--- RECORDS TO PROCESS ---
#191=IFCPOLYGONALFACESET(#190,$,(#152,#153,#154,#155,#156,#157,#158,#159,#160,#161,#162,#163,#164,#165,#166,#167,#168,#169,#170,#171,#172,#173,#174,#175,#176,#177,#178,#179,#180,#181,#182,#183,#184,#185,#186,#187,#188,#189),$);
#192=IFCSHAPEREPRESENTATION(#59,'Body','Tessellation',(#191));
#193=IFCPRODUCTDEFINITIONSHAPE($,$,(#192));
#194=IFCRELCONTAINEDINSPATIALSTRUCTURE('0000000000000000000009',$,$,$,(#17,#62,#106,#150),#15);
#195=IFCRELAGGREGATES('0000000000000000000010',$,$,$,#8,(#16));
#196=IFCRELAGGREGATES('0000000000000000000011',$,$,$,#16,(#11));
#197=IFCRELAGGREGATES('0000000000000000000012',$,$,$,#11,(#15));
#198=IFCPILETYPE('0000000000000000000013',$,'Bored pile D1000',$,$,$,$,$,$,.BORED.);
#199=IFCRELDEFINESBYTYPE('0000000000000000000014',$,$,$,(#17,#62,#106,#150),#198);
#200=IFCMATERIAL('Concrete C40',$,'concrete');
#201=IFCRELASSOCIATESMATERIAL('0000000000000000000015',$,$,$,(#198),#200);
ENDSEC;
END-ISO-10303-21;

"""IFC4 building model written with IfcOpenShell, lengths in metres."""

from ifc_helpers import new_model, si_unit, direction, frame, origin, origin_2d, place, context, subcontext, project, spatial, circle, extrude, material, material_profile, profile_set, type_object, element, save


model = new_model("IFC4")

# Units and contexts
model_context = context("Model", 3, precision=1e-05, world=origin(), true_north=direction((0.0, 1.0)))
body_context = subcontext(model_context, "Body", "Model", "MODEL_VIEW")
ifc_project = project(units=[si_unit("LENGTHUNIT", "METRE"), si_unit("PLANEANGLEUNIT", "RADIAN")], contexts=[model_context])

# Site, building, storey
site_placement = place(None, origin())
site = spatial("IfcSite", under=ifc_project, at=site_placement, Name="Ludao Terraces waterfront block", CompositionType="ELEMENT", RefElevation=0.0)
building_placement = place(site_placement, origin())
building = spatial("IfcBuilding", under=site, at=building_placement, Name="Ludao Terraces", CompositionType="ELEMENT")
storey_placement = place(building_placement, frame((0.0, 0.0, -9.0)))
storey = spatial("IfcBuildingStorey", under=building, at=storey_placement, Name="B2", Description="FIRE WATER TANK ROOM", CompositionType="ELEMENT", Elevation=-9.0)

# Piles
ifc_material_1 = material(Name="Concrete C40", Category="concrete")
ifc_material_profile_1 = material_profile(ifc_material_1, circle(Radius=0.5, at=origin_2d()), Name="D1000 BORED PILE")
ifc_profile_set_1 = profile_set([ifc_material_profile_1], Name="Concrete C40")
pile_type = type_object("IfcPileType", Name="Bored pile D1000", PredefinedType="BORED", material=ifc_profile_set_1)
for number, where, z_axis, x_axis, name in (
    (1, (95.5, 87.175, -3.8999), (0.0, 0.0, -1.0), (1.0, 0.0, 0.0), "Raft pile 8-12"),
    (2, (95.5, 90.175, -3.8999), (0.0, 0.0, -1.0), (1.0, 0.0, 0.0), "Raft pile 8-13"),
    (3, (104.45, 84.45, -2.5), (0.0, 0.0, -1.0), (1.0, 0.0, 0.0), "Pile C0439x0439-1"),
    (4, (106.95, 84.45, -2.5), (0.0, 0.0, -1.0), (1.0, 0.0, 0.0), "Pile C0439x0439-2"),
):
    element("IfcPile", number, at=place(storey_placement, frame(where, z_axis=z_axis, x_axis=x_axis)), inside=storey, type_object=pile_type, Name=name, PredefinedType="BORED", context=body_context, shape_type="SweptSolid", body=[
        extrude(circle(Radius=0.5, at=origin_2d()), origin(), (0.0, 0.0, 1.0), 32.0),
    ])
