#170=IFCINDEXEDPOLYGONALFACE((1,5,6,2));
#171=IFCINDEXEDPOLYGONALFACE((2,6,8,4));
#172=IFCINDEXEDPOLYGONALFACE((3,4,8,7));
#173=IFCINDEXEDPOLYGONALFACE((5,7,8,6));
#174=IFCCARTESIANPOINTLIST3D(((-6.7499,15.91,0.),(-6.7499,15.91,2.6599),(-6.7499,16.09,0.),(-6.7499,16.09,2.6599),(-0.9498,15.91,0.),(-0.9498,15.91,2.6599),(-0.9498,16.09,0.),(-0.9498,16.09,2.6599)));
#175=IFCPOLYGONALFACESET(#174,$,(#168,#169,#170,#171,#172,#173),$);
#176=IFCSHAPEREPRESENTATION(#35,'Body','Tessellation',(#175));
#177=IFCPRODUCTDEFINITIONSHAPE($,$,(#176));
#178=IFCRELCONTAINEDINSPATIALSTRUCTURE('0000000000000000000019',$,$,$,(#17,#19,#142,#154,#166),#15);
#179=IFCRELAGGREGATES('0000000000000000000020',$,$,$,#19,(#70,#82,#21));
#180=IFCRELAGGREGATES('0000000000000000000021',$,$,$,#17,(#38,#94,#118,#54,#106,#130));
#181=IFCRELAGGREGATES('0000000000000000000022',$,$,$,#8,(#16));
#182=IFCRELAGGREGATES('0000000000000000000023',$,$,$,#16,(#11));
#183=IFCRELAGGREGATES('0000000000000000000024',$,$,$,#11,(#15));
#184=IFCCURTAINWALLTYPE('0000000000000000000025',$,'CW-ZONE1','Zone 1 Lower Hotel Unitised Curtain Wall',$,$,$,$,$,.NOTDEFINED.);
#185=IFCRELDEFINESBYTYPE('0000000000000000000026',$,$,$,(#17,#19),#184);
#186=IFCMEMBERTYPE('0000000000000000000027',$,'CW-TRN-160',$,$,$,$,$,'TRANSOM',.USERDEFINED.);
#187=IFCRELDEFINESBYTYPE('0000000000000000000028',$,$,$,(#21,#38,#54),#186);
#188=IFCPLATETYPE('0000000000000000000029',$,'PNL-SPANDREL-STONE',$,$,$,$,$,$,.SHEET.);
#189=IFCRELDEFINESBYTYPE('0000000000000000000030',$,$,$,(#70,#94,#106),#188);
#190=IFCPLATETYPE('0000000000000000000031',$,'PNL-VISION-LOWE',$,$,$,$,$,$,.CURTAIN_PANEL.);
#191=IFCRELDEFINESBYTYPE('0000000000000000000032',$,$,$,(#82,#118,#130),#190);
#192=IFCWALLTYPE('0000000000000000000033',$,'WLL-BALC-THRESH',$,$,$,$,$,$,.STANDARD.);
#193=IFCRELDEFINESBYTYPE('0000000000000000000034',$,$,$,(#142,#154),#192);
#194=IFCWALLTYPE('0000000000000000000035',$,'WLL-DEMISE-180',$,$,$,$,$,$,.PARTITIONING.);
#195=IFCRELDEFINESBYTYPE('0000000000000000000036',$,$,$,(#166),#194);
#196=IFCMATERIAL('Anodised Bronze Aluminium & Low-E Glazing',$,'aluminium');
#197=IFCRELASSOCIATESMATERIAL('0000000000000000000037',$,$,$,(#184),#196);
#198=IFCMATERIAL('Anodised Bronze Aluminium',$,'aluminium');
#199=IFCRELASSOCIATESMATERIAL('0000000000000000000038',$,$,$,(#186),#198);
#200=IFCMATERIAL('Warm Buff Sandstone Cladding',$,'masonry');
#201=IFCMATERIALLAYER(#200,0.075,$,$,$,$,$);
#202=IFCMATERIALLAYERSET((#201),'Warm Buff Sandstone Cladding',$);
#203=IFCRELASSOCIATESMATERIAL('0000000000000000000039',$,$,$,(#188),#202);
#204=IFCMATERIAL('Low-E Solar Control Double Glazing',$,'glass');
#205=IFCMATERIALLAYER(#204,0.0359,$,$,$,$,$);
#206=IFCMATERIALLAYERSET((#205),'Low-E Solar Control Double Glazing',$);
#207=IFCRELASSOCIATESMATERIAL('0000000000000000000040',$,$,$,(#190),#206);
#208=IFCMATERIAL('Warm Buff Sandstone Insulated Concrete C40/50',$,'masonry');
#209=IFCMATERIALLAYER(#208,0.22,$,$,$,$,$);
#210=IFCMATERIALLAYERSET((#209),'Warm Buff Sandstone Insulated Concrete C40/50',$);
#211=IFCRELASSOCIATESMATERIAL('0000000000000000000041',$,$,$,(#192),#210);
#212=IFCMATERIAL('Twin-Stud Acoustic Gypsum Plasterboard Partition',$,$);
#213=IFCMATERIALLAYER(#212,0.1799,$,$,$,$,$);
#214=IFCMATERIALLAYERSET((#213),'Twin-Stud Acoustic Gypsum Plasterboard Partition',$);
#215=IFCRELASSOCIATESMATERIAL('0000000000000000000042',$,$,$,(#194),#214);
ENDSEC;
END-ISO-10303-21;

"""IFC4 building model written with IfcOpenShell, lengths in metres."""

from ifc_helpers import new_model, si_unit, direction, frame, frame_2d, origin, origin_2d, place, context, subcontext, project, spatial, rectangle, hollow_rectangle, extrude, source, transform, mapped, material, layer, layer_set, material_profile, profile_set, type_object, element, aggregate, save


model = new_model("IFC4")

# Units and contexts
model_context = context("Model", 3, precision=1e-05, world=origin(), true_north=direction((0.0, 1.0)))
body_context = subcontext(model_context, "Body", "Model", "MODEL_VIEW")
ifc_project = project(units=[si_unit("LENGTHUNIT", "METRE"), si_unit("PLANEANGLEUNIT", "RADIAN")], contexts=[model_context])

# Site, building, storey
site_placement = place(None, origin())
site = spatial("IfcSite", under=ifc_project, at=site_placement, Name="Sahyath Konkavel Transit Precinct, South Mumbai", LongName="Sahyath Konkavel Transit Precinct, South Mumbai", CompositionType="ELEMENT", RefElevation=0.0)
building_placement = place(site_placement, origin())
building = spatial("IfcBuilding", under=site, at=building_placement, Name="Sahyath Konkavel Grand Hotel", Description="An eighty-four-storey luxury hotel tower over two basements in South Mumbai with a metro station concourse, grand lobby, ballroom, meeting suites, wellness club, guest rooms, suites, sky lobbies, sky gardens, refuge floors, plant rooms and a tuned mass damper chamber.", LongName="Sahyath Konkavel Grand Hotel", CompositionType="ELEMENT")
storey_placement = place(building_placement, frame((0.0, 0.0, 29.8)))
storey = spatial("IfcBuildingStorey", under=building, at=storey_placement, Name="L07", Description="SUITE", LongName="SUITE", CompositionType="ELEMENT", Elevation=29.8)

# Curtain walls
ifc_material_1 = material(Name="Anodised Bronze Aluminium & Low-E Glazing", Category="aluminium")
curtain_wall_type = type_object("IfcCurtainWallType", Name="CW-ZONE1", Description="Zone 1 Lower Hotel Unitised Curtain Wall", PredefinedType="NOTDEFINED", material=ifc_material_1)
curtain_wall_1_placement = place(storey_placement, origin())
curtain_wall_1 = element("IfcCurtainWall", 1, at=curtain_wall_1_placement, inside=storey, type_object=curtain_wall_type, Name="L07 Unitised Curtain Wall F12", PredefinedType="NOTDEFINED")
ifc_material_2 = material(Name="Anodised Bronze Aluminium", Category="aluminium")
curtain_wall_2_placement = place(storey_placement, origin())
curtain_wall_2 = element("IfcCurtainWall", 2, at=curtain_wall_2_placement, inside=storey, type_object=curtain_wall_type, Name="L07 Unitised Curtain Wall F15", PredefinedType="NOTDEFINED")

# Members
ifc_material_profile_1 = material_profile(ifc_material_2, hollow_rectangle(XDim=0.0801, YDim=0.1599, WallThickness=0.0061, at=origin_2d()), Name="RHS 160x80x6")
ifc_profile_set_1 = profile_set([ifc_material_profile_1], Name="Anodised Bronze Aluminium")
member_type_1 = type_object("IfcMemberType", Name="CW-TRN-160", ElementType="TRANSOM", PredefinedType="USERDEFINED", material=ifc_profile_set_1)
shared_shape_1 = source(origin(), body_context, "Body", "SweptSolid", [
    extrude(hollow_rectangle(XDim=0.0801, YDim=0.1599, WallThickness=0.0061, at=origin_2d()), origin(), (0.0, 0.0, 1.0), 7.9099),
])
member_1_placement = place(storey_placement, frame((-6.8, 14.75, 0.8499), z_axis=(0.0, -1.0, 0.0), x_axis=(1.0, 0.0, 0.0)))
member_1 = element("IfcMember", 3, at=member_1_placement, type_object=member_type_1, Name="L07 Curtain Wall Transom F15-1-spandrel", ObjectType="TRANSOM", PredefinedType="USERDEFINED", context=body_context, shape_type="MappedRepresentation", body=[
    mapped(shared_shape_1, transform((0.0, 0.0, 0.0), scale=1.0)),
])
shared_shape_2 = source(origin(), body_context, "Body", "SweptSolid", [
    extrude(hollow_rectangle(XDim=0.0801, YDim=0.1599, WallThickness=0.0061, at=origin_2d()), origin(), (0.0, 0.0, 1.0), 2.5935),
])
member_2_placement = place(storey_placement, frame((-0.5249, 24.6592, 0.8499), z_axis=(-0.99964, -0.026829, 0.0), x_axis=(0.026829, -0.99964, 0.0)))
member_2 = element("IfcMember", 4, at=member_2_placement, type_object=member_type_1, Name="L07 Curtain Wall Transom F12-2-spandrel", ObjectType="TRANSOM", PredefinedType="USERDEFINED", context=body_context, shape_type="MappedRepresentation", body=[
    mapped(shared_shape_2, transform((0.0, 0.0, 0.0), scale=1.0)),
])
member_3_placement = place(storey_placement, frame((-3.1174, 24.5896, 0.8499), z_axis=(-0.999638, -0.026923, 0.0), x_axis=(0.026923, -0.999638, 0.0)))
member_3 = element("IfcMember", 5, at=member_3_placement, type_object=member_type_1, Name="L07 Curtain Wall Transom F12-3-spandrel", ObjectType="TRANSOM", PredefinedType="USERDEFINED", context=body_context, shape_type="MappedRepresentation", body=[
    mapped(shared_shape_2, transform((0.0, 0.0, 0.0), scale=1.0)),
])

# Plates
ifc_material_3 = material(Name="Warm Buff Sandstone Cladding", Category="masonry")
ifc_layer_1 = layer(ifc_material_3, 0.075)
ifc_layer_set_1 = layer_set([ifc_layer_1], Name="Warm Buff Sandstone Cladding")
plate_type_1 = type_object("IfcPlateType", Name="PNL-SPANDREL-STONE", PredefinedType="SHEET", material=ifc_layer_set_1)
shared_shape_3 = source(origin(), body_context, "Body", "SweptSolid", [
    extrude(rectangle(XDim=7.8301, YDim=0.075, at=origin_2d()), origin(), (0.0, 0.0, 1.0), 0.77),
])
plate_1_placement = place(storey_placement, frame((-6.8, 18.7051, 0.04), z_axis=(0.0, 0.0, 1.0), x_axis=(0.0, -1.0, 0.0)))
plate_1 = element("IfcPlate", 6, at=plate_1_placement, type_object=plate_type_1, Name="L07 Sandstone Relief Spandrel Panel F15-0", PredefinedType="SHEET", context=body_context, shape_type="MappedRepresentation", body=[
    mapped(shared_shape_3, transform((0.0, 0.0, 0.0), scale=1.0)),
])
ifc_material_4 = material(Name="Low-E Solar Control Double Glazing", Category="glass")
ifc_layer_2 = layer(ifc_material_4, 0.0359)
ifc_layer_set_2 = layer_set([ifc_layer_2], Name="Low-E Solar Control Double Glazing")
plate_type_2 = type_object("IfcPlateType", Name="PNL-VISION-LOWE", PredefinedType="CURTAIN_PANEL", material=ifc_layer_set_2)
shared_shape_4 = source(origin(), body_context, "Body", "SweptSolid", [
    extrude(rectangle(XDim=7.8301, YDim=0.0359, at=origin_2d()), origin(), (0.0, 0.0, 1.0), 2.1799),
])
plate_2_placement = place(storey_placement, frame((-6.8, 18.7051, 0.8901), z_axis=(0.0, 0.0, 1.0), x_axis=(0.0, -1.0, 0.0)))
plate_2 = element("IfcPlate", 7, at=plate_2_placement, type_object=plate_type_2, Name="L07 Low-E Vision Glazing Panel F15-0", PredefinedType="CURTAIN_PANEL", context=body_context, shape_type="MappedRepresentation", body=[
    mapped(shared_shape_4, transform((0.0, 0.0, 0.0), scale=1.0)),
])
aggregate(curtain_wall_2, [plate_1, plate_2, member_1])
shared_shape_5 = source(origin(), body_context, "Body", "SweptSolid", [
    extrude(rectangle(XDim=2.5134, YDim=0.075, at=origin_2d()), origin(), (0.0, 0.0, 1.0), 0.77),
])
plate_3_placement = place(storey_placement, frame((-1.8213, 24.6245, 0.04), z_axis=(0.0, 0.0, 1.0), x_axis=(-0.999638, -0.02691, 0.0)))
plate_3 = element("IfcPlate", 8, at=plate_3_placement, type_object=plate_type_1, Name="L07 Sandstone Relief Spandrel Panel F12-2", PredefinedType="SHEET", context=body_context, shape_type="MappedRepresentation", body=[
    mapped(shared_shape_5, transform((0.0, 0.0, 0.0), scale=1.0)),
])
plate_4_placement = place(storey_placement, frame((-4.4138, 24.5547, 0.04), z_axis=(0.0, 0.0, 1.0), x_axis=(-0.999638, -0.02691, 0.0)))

--- TASK TO COMPLETE ---
Copy the lines above exactly, beginning at the line that has "eighty-four-storey luxury hotel" and stopping after the line that has "curtain_wall_2_placement = place(storey_placement, origin())", and omit the rest.

--- REPLY ---
building = spatial("IfcBuilding", under=site, at=building_placement, Name="Sahyath Konkavel Grand Hotel", Description="An eighty-four-storey luxury hotel tower over two basements in South Mumbai with a metro station concourse, grand lobby, ballroom, meeting suites, wellness club, guest rooms, suites, sky lobbies, sky gardens, refuge floors, plant rooms and a tuned mass damper chamber.", LongName="Sahyath Konkavel Grand Hotel", CompositionType="ELEMENT")
storey_placement = place(building_placement, frame((0.0, 0.0, 29.8)))
storey = spatial("IfcBuildingStorey", under=building, at=storey_placement, Name="L07", Description="SUITE", LongName="SUITE", CompositionType="ELEMENT", Elevation=29.8)

# Curtain walls
ifc_material_1 = material(Name="Anodised Bronze Aluminium & Low-E Glazing", Category="aluminium")
curtain_wall_type = type_object("IfcCurtainWallType", Name="CW-ZONE1", Description="Zone 1 Lower Hotel Unitised Curtain Wall", PredefinedType="NOTDEFINED", material=ifc_material_1)
curtain_wall_1_placement = place(storey_placement, origin())
curtain_wall_1 = element("IfcCurtainWall", 1, at=curtain_wall_1_placement, inside=storey, type_object=curtain_wall_type, Name="L07 Unitised Curtain Wall F12", PredefinedType="NOTDEFINED")
ifc_material_2 = material(Name="Anodised Bronze Aluminium", Category="aluminium")
curtain_wall_2_placement = place(storey_placement, origin())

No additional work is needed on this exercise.